What the task asks:
Look through the records below and copy each line that includes the word "libraries".

[Collected data]
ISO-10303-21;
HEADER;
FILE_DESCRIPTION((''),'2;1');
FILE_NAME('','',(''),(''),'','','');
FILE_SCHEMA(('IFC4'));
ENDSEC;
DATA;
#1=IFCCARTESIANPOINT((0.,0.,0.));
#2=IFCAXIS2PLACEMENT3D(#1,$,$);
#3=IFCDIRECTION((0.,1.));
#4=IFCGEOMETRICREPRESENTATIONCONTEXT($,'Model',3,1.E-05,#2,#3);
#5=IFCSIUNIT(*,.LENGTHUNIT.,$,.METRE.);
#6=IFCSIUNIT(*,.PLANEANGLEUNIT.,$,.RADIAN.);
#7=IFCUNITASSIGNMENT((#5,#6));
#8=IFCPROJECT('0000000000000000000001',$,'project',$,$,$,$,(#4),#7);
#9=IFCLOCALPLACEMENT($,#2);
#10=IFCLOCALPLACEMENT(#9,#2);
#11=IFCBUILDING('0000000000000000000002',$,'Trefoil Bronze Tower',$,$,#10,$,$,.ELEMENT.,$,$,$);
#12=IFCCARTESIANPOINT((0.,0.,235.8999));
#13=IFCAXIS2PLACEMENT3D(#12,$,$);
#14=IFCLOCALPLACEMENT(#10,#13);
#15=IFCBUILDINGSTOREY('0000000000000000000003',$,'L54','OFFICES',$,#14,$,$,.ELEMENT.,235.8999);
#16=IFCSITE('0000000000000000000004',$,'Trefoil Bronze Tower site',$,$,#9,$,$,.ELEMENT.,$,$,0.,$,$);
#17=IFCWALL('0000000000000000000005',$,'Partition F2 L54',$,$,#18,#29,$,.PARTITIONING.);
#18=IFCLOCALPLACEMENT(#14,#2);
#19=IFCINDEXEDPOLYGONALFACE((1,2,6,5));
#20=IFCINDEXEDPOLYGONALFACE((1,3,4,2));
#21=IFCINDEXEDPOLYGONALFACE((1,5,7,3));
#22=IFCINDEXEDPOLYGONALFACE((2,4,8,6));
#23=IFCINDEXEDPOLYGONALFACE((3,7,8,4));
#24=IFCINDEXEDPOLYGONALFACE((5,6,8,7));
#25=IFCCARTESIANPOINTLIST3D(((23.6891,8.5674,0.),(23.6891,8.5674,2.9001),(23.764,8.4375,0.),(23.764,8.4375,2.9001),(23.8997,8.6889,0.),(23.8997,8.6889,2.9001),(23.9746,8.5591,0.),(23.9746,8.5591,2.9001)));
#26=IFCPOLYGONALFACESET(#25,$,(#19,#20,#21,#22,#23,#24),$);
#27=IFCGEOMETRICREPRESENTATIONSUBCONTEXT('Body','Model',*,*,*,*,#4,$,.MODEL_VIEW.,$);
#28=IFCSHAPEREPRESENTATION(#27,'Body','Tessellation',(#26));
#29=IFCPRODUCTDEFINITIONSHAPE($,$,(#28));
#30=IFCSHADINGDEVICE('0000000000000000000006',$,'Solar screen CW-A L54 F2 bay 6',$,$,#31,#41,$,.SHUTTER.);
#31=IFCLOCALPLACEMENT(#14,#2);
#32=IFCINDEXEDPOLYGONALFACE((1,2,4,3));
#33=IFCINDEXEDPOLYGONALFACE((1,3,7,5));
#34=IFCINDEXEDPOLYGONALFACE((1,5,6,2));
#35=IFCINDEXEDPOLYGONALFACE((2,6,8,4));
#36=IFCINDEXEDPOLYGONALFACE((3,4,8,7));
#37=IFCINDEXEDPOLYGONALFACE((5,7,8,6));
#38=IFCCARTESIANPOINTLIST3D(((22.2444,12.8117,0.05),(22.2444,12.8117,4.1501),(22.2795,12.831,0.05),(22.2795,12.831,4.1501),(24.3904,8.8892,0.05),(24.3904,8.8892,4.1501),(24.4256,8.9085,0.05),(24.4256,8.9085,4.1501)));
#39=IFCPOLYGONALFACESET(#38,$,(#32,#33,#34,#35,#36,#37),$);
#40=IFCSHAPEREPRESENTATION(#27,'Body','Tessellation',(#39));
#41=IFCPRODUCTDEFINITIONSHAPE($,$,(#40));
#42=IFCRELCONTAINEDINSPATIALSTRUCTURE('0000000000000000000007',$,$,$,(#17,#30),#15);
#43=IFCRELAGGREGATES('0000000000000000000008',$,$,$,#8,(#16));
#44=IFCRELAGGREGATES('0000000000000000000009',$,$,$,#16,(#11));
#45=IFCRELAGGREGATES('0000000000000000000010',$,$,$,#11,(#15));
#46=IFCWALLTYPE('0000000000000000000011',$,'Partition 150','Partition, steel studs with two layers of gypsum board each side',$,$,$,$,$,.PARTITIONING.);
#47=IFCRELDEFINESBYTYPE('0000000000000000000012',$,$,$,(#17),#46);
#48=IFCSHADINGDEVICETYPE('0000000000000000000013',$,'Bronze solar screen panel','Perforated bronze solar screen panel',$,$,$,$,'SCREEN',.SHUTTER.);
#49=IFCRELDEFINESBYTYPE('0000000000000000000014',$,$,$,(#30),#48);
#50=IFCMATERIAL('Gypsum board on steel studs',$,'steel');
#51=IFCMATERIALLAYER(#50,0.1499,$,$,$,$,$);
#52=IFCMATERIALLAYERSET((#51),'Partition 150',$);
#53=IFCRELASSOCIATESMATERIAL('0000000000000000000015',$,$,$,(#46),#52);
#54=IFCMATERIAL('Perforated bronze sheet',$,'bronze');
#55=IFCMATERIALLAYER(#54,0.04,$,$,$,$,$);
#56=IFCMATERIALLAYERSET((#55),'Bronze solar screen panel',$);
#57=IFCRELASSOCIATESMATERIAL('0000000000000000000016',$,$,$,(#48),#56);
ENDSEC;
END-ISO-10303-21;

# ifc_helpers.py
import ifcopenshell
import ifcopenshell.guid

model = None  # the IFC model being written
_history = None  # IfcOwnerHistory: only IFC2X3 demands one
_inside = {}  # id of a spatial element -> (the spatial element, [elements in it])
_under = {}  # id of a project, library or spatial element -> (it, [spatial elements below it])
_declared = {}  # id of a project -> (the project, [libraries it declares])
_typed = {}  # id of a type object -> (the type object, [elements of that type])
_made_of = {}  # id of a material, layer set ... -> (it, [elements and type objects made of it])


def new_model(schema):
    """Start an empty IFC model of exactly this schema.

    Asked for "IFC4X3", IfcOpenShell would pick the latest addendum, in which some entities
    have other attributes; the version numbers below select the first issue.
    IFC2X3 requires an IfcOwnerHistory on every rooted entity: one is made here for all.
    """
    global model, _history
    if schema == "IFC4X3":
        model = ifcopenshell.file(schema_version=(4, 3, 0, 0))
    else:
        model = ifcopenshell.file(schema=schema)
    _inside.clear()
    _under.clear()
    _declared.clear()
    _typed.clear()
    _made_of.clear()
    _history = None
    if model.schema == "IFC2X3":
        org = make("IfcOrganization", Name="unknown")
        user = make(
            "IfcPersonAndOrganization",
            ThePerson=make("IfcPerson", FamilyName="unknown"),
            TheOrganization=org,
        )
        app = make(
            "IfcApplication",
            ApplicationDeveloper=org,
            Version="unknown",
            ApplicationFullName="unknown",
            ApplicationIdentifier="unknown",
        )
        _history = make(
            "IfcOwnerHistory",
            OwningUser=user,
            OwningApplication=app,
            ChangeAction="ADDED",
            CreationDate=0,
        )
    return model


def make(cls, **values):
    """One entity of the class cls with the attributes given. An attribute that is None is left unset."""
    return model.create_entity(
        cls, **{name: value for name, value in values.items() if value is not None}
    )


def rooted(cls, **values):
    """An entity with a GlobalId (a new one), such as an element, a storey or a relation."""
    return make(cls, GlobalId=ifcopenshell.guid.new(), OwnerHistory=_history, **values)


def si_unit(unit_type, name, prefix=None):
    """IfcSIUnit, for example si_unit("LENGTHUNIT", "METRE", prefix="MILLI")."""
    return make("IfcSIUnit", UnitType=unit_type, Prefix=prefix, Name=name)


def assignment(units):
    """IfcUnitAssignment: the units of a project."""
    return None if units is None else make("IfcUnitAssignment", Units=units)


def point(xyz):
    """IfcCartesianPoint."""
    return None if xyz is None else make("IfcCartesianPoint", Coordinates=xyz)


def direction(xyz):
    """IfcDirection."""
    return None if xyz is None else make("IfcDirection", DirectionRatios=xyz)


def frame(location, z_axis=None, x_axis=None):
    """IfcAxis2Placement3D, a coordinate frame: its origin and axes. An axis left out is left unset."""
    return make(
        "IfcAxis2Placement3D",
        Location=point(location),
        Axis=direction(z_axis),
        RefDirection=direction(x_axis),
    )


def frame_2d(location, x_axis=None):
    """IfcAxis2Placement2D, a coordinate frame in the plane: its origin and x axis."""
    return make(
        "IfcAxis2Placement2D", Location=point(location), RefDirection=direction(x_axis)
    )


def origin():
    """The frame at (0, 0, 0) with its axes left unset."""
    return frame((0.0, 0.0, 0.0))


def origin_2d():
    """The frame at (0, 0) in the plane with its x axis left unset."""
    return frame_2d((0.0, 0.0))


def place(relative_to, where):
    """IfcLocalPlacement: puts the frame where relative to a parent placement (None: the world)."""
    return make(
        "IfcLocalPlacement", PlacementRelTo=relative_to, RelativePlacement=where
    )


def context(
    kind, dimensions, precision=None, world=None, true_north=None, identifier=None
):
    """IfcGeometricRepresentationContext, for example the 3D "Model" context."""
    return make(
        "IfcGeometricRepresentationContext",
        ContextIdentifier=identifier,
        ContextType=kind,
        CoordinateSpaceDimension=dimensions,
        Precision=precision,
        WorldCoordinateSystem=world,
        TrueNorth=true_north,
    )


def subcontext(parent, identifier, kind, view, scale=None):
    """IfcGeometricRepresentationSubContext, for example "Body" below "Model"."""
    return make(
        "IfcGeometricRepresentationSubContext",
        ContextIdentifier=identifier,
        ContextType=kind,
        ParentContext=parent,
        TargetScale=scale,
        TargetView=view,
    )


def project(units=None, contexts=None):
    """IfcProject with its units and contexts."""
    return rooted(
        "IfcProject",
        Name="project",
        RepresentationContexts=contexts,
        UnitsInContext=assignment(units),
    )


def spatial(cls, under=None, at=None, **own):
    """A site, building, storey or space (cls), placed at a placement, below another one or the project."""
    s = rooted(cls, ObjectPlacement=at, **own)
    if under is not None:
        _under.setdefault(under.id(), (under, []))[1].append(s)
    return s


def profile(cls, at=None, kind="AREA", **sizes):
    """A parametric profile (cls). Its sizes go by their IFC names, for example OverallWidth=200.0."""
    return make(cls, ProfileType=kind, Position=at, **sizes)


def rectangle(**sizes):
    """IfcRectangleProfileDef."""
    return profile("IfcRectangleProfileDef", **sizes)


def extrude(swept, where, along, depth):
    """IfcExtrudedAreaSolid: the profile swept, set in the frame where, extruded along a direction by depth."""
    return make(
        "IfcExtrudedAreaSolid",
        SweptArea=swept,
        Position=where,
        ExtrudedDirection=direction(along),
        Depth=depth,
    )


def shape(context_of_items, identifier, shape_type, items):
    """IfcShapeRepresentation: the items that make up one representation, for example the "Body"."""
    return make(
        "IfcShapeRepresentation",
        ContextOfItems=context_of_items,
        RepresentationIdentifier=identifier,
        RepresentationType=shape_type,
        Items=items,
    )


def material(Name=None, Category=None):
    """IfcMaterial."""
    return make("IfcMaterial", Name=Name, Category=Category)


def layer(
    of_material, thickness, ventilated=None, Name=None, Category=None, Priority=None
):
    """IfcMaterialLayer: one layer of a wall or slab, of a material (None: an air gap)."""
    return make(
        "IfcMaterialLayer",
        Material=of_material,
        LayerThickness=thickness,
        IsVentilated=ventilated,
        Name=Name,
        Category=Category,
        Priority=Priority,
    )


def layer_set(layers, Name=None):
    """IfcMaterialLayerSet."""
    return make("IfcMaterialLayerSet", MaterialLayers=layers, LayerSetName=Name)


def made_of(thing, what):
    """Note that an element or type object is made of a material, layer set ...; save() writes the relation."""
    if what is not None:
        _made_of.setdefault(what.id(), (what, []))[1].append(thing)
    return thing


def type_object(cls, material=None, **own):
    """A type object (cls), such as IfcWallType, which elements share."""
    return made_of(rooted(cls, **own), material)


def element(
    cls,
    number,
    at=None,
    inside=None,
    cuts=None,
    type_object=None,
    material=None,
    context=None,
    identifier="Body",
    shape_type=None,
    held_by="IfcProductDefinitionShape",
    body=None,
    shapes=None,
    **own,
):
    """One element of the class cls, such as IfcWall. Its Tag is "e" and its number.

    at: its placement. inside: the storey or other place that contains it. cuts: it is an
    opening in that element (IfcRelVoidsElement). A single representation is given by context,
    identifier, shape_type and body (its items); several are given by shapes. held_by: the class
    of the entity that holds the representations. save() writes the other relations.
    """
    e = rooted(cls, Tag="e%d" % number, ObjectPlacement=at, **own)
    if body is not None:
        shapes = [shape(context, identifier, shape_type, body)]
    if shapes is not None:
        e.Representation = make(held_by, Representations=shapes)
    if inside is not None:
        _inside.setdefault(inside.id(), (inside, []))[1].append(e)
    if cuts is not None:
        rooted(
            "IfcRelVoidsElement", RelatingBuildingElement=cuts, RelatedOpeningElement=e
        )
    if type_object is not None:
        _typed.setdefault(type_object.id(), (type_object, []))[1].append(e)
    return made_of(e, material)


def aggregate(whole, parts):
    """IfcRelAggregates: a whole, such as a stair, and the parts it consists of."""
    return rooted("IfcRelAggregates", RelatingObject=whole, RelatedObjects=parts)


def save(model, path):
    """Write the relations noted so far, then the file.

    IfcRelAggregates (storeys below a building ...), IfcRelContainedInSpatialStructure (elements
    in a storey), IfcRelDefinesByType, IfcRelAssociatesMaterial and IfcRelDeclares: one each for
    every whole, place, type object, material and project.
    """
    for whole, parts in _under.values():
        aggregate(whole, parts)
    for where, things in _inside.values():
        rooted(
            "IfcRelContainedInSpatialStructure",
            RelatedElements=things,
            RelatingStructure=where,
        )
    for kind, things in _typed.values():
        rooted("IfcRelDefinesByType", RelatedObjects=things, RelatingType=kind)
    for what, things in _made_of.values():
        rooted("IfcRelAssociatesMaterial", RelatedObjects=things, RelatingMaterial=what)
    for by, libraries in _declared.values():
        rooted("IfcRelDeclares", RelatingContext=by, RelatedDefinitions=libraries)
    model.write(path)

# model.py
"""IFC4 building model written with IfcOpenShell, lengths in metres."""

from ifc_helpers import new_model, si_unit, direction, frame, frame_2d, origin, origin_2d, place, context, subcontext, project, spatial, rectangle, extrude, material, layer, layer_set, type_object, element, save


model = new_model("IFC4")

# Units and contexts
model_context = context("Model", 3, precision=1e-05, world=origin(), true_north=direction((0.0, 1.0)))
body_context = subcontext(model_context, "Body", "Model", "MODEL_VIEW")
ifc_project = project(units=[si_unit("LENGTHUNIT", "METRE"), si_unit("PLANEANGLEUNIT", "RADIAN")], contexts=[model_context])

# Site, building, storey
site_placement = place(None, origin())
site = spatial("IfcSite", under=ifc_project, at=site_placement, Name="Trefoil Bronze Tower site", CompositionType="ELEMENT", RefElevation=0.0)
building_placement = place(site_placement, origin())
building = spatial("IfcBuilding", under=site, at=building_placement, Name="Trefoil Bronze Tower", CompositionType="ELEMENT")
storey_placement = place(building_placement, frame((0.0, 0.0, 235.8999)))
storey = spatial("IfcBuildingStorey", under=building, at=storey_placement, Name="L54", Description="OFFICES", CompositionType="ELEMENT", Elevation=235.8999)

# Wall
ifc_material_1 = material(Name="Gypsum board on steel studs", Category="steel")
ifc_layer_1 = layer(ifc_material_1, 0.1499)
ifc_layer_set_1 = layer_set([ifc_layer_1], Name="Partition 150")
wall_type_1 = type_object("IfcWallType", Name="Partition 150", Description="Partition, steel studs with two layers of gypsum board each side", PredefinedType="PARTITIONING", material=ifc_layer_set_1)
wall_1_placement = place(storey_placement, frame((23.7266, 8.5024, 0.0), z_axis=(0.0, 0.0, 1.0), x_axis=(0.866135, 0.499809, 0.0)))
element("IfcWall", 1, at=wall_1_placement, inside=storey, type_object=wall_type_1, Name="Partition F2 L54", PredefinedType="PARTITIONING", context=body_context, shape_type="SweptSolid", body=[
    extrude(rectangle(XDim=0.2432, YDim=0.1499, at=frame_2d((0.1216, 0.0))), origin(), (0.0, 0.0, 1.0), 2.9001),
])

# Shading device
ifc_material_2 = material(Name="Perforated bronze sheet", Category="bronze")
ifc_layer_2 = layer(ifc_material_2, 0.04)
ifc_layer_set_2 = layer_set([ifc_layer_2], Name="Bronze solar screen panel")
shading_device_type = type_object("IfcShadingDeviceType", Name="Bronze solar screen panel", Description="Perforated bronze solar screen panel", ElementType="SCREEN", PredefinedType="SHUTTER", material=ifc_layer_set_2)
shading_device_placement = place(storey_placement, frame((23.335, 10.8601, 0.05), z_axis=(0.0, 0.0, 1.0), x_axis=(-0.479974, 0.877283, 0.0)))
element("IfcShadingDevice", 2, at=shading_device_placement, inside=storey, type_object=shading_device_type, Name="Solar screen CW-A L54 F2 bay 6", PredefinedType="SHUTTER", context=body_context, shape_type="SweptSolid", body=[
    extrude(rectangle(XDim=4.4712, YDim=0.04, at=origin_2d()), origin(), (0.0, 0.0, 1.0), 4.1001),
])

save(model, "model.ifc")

Your solution:
_declared = {}  # id of a project -> (the project, [libraries it declares])
    for by, libraries in _declared.values():
        rooted("IfcRelDeclares", RelatingContext=by, RelatedDefinitions=libraries)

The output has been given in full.